Recorded data below:

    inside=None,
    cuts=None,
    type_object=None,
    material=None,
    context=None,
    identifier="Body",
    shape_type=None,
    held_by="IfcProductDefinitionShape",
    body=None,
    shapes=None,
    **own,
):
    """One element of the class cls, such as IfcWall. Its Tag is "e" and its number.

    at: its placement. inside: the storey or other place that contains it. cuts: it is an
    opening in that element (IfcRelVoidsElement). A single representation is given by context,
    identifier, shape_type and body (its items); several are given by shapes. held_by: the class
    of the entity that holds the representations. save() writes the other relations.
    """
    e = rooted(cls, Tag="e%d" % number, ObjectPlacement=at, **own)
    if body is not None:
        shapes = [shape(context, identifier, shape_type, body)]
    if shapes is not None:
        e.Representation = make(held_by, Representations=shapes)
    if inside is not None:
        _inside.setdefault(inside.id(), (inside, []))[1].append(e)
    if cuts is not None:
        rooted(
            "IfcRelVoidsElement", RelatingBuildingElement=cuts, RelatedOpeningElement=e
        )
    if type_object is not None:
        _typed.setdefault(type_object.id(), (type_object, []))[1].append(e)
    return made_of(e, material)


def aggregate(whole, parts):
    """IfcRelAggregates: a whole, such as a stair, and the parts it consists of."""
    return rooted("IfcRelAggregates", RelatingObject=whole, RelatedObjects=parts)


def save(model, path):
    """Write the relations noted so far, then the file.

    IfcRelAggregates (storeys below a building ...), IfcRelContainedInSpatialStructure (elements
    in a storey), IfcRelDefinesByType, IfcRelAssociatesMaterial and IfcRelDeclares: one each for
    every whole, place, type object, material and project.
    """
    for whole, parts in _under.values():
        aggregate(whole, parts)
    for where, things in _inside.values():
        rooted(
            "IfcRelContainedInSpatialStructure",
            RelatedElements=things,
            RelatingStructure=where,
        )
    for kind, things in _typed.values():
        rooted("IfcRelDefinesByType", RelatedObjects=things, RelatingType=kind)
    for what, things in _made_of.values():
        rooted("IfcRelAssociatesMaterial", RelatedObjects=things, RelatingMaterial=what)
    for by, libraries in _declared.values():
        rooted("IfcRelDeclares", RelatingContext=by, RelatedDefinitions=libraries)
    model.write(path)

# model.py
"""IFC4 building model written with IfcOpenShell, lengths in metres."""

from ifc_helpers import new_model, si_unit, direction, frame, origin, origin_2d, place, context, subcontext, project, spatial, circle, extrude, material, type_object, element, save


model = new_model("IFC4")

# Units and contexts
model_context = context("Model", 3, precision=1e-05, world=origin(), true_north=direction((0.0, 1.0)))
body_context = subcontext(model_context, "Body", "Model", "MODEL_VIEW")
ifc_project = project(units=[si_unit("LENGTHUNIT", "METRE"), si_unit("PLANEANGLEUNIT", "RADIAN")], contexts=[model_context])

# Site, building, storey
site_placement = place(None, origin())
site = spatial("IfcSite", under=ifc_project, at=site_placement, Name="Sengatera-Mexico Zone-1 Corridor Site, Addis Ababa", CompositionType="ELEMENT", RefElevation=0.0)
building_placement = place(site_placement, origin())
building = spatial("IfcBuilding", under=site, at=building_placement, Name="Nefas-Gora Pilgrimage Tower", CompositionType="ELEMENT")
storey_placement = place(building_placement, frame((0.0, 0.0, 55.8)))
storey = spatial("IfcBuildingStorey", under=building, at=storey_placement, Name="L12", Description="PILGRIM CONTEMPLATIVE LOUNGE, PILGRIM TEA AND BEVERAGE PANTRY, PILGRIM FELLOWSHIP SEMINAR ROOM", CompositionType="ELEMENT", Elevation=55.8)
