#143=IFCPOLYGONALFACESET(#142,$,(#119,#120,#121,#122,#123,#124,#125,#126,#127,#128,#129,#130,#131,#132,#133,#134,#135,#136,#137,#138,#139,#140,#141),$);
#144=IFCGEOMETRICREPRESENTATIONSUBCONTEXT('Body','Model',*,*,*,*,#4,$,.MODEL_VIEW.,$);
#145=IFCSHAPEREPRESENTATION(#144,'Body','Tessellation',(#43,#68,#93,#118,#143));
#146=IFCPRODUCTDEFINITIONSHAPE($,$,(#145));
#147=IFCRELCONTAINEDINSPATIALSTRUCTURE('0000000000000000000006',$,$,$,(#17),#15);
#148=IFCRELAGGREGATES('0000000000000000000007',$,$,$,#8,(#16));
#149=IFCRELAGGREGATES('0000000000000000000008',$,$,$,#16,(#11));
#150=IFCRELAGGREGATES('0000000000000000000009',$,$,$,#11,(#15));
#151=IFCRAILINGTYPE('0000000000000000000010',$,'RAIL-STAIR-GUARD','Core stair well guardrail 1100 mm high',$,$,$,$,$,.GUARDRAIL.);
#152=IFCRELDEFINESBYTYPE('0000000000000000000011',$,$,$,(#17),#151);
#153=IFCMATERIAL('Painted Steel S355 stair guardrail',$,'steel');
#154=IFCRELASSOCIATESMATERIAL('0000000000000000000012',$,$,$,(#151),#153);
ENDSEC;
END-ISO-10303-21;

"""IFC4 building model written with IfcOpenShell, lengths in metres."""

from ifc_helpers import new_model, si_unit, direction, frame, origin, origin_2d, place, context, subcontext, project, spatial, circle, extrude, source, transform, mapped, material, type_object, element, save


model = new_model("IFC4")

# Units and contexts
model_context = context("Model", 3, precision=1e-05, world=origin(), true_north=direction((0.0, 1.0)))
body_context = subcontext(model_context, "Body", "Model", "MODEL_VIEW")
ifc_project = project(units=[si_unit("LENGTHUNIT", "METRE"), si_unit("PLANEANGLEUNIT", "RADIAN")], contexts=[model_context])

End of Recorded data.

**Task item**
Up to and including the line that holds "if cuts is not", reproduce the records above exactly from their first line, and give nothing else.

**Solution below**
    inside=None,
    cuts=None,
    type_object=None,
    material=None,
    context=None,
    identifier="Body",
    shape_type=None,
    held_by="IfcProductDefinitionShape",
    body=None,
    shapes=None,
    **own,
):
    """One element of the class cls, such as IfcWall. Its Tag is "e" and its number.

    at: its placement. inside: the storey or other place that contains it. cuts: it is an
    opening in that element (IfcRelVoidsElement). A single representation is given by context,
    identifier, shape_type and body (its items); several are given by shapes. held_by: the class
    of the entity that holds the representations. save() writes the other relations.
    """
    e = rooted(cls, Tag="e%d" % number, ObjectPlacement=at, **own)
    if body is not None:
        shapes = [shape(context, identifier, shape_type, body)]
    if shapes is not None:
        e.Representation = make(held_by, Representations=shapes)
    if inside is not None:
        _inside.setdefault(inside.id(), (inside, []))[1].append(e)
    if cuts is not None:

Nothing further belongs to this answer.